TO DO:
The expected answer is the set of lines in the data below between the line holding "#118=IFCMATERIAL('Concrete C40',$,'concrete');" and the line holding "END-ISO-10303-21;", inclusive, written out exactly.

[Stored data]
········
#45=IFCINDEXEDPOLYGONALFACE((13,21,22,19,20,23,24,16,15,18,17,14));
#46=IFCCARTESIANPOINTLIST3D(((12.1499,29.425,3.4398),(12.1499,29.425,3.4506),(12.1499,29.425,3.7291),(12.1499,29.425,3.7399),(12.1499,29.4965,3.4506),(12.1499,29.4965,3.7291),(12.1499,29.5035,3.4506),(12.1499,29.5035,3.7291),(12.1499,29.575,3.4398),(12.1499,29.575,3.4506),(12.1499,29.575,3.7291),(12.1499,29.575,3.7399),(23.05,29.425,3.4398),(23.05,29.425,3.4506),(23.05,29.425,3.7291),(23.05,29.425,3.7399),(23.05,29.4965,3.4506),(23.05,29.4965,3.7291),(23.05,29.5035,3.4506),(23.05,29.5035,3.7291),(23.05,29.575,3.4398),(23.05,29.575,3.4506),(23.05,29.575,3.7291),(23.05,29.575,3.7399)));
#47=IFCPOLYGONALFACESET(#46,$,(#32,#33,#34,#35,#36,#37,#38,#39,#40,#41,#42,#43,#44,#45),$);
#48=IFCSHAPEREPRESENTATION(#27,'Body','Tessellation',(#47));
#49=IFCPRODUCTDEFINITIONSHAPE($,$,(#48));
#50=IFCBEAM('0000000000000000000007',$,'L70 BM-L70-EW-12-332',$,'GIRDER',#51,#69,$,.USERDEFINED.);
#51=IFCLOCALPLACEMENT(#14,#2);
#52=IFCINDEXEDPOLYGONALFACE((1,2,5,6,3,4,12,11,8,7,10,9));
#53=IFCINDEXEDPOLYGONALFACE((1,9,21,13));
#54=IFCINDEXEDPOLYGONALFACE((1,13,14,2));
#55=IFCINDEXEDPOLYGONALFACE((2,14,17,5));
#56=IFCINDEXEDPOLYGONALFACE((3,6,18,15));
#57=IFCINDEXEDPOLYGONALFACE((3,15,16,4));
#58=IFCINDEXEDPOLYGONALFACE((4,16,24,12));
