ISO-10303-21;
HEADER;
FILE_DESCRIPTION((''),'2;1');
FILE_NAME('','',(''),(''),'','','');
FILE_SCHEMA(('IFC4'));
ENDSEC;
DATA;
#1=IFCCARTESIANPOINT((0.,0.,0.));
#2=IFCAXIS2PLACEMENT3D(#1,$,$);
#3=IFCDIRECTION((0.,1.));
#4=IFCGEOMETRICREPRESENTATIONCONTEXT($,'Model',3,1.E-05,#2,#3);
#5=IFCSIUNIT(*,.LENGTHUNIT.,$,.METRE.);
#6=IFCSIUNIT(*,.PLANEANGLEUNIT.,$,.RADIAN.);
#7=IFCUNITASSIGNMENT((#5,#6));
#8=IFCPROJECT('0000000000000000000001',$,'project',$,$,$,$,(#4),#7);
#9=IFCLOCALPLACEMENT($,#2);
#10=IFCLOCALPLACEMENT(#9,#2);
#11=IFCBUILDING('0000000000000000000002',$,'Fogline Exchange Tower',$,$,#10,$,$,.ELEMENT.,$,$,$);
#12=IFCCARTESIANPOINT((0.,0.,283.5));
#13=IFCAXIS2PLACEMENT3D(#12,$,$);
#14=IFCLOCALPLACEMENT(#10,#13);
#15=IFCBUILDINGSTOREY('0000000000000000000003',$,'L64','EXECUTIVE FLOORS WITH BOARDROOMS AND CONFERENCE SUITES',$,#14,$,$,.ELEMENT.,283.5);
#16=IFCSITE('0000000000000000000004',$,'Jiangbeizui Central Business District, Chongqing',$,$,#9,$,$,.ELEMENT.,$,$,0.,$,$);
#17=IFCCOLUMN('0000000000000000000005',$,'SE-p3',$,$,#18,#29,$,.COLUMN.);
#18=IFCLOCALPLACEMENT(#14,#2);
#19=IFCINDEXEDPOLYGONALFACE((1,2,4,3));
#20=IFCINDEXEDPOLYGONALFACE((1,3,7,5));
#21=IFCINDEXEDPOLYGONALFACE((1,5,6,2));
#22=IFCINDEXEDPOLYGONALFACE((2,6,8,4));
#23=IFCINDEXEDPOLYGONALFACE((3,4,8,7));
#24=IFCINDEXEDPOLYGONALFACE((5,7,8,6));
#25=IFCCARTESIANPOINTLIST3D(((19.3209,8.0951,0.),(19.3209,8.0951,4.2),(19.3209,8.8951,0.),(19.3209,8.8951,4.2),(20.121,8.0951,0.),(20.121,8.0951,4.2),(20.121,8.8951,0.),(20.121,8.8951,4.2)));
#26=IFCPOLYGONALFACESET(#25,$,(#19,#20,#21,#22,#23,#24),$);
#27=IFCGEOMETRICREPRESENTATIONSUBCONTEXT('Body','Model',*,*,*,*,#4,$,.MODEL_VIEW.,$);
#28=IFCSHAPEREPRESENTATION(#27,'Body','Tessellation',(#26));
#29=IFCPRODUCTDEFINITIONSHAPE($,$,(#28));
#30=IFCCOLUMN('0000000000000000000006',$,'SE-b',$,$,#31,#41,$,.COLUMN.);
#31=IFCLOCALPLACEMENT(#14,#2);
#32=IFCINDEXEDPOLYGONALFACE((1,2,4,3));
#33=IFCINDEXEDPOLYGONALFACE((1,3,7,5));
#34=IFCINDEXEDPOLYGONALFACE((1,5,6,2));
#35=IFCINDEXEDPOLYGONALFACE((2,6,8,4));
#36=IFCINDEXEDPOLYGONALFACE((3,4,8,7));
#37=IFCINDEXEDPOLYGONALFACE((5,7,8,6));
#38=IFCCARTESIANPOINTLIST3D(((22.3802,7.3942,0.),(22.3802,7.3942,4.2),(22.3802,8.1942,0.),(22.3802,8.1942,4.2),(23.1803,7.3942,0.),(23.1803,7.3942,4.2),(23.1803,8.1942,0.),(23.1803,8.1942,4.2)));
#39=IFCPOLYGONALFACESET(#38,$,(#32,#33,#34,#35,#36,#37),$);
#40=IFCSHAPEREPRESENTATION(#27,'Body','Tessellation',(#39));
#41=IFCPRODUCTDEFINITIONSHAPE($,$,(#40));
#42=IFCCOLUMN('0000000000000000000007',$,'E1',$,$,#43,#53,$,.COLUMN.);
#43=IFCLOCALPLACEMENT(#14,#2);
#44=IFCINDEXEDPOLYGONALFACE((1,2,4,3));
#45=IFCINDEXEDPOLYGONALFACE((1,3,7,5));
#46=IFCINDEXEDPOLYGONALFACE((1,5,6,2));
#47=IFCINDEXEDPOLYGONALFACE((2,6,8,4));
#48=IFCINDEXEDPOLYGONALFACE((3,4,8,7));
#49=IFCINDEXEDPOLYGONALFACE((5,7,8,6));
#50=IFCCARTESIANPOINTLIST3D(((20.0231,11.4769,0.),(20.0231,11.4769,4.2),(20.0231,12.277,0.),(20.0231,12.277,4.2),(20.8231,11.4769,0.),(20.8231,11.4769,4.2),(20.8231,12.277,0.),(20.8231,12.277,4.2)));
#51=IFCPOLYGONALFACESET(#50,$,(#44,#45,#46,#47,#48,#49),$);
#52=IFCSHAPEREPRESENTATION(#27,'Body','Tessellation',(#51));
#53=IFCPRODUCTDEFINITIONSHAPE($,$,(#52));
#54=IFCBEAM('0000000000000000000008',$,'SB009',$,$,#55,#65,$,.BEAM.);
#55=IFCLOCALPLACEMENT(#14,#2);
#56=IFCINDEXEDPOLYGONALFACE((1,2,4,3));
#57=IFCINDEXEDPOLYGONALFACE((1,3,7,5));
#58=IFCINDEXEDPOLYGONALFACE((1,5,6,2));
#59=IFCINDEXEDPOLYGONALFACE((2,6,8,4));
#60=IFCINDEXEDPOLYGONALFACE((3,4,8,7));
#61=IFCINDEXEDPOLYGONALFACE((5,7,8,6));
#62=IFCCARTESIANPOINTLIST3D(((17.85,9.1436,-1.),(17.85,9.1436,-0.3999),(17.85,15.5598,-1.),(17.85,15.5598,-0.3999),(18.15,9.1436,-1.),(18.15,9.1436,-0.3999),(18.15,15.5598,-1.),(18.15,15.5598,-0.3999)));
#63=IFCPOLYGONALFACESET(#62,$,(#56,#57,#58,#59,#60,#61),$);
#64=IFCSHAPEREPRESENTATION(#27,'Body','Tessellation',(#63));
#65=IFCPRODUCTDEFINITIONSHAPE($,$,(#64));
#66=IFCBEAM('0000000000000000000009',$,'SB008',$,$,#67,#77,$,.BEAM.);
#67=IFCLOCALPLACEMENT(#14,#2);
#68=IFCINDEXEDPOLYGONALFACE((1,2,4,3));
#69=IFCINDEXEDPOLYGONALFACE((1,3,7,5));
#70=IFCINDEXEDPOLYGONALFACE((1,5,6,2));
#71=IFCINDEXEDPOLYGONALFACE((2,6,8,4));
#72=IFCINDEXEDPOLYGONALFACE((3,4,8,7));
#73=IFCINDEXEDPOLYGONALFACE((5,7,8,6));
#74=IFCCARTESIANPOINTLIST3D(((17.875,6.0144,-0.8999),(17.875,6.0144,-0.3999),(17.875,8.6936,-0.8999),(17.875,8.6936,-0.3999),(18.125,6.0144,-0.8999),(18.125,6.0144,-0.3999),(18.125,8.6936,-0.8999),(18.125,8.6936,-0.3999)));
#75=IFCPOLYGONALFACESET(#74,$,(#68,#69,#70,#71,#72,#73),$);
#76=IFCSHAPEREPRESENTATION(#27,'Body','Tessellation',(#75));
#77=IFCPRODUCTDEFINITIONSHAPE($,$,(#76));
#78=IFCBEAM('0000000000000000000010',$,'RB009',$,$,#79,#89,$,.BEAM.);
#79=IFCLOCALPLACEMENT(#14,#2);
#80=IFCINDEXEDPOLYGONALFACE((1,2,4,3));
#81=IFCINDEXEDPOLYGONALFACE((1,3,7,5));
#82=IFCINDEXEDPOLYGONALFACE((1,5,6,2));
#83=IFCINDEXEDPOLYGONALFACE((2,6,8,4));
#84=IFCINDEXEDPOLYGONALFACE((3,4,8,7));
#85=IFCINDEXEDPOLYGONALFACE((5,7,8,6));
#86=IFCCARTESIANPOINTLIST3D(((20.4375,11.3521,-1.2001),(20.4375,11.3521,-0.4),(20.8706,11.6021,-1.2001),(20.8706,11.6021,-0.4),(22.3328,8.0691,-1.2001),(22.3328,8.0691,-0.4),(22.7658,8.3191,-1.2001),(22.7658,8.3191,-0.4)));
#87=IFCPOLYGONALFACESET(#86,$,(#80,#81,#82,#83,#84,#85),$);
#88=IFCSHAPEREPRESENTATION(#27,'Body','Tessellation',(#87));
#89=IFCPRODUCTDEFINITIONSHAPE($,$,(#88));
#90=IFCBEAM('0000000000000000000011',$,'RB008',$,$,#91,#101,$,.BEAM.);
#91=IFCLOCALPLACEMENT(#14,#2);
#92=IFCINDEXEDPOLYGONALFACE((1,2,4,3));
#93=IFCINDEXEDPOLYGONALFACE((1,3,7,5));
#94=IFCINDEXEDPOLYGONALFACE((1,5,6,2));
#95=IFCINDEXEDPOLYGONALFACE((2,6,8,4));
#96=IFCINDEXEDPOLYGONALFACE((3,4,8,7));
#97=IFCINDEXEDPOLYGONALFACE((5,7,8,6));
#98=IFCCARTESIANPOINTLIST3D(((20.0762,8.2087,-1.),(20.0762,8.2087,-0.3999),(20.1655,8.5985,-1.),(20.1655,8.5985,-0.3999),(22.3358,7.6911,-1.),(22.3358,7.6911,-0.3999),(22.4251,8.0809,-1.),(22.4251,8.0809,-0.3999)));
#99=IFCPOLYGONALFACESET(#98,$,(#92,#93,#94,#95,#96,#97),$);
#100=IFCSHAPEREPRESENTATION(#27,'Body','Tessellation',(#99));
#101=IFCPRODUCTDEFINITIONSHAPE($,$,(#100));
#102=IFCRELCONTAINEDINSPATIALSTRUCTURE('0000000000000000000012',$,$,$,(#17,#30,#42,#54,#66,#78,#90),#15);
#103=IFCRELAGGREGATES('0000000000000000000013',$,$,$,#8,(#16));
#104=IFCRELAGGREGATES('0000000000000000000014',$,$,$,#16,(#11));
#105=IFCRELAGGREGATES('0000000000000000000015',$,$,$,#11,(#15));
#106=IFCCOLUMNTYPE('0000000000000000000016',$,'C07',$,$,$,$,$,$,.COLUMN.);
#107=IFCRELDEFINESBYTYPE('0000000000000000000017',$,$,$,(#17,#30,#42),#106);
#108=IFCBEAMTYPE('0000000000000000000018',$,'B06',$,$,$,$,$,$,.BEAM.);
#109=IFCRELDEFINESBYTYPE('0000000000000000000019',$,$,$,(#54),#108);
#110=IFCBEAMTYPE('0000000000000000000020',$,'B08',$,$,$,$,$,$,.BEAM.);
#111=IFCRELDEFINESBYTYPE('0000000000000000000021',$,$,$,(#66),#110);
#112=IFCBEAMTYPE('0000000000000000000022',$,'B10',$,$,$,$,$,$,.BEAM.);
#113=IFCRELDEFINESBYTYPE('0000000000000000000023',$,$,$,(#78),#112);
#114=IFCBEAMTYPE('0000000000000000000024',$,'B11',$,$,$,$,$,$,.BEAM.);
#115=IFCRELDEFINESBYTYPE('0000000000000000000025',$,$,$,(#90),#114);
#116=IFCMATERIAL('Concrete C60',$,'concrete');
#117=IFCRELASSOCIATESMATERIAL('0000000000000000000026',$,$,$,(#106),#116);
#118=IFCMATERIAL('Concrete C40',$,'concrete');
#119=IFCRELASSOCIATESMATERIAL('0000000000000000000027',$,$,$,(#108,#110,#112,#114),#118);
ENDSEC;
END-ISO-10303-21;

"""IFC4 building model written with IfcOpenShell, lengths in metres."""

from ifc_helpers import new_model, si_unit, direction, frame, origin, origin_2d, place, context, subcontext, project, spatial, rectangle, extrude, material, material_profile, profile_set, type_object, element, save


model = new_model("IFC4")

# Units and contexts
model_context = context("Model", 3, precision=1e-05, world=origin(), true_north=direction((0.0, 1.0)))
body_context = subcontext(model_context, "Body", "Model", "MODEL_VIEW")
ifc_project = project(units=[si_unit("LENGTHUNIT", "METRE"), si_unit("PLANEANGLEUNIT", "RADIAN")], contexts=[model_context])

# Site, building, storey
site_placement = place(None, origin())
site = spatial("IfcSite", under=ifc_project, at=site_placement, Name="Jiangbeizui Central Business District, Chongqing", CompositionType="ELEMENT", RefElevation=0.0)
building_placement = place(site_placement, origin())
building = spatial("IfcBuilding", under=site, at=building_placement, Name="Fogline Exchange Tower", CompositionType="ELEMENT")
storey_placement = place(building_placement, frame((0.0, 0.0, 283.5)))
storey = spatial("IfcBuildingStorey", under=building, at=storey_placement, Name="L64", Description="EXECUTIVE FLOORS WITH BOARDROOMS AND CONFERENCE SUITES", CompositionType="ELEMENT", Elevation=283.5)

# Columns
ifc_material_1 = material(Name="Concrete C60", Category="concrete")
ifc_material_profile_1 = material_profile(ifc_material_1, rectangle(XDim=0.8, YDim=0.8, at=origin_2d()), Name="RC 800x800")
ifc_profile_set_1 = profile_set([ifc_material_profile_1], Name="Concrete C60")
column_type = type_object("IfcColumnType", Name="C07", PredefinedType="COLUMN", material=ifc_profile_set_1)
for number, where, z_axis, x_axis, name in (
    (1, (19.7209, 8.4951, 0.0), (0.0, 0.0, 1.0), (1.0, 0.0, 0.0), "SE-p3"),
    (2, (22.7803, 7.7942, 0.0), (0.0, 0.0, 1.0), (1.0, 0.0, 0.0), "SE-b"),
    (3, (20.4231, 11.877, 0.0), (0.0, 0.0, 1.0), (1.0, 0.0, 0.0), "E1"),
):
    element("IfcColumn", number, at=place(storey_placement, frame(where, z_axis=z_axis, x_axis=x_axis)), inside=storey, type_object=column_type, Name=name, PredefinedType="COLUMN", context=body_context, shape_type="SweptSolid", body=[
        extrude(rectangle(XDim=0.8, YDim=0.8, at=origin_2d()), origin(), (0.0, 0.0, 1.0), 4.2),
    ])

# Beams
ifc_material_2 = material(Name="Concrete C40", Category="concrete")
ifc_material_profile_2 = material_profile(ifc_material_2, rectangle(XDim=0.3, YDim=0.6001, at=origin_2d()), Name="RC 300x600")
ifc_profile_set_2 = profile_set([ifc_material_profile_2], Name="Concrete C40")
beam_type_1 = type_object("IfcBeamType", Name="B06", PredefinedType="BEAM", material=ifc_profile_set_2)
beam_1_placement = place(storey_placement, frame((18.0, 9.1436, -0.7), z_axis=(0.0, 1.0, 0.0), x_axis=(-1.0, 0.0, 0.0)))
element("IfcBeam", 4, at=beam_1_placement, inside=storey, type_object=beam_type_1, Name="SB009", PredefinedType="BEAM", context=body_context, shape_type="SweptSolid", body=[
    extrude(rectangle(XDim=0.3, YDim=0.6001, at=origin_2d()), origin(), (0.0, 0.0, 1.0), 6.4163),
])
········
ANSWER SECTION:
#118=IFCMATERIAL('Concrete C40',$,'concrete');
#119=IFCRELASSOCIATESMATERIAL('0000000000000000000027',$,$,$,(#108,#110,#112,#114),#118);
ENDSEC;
END-ISO-10303-21;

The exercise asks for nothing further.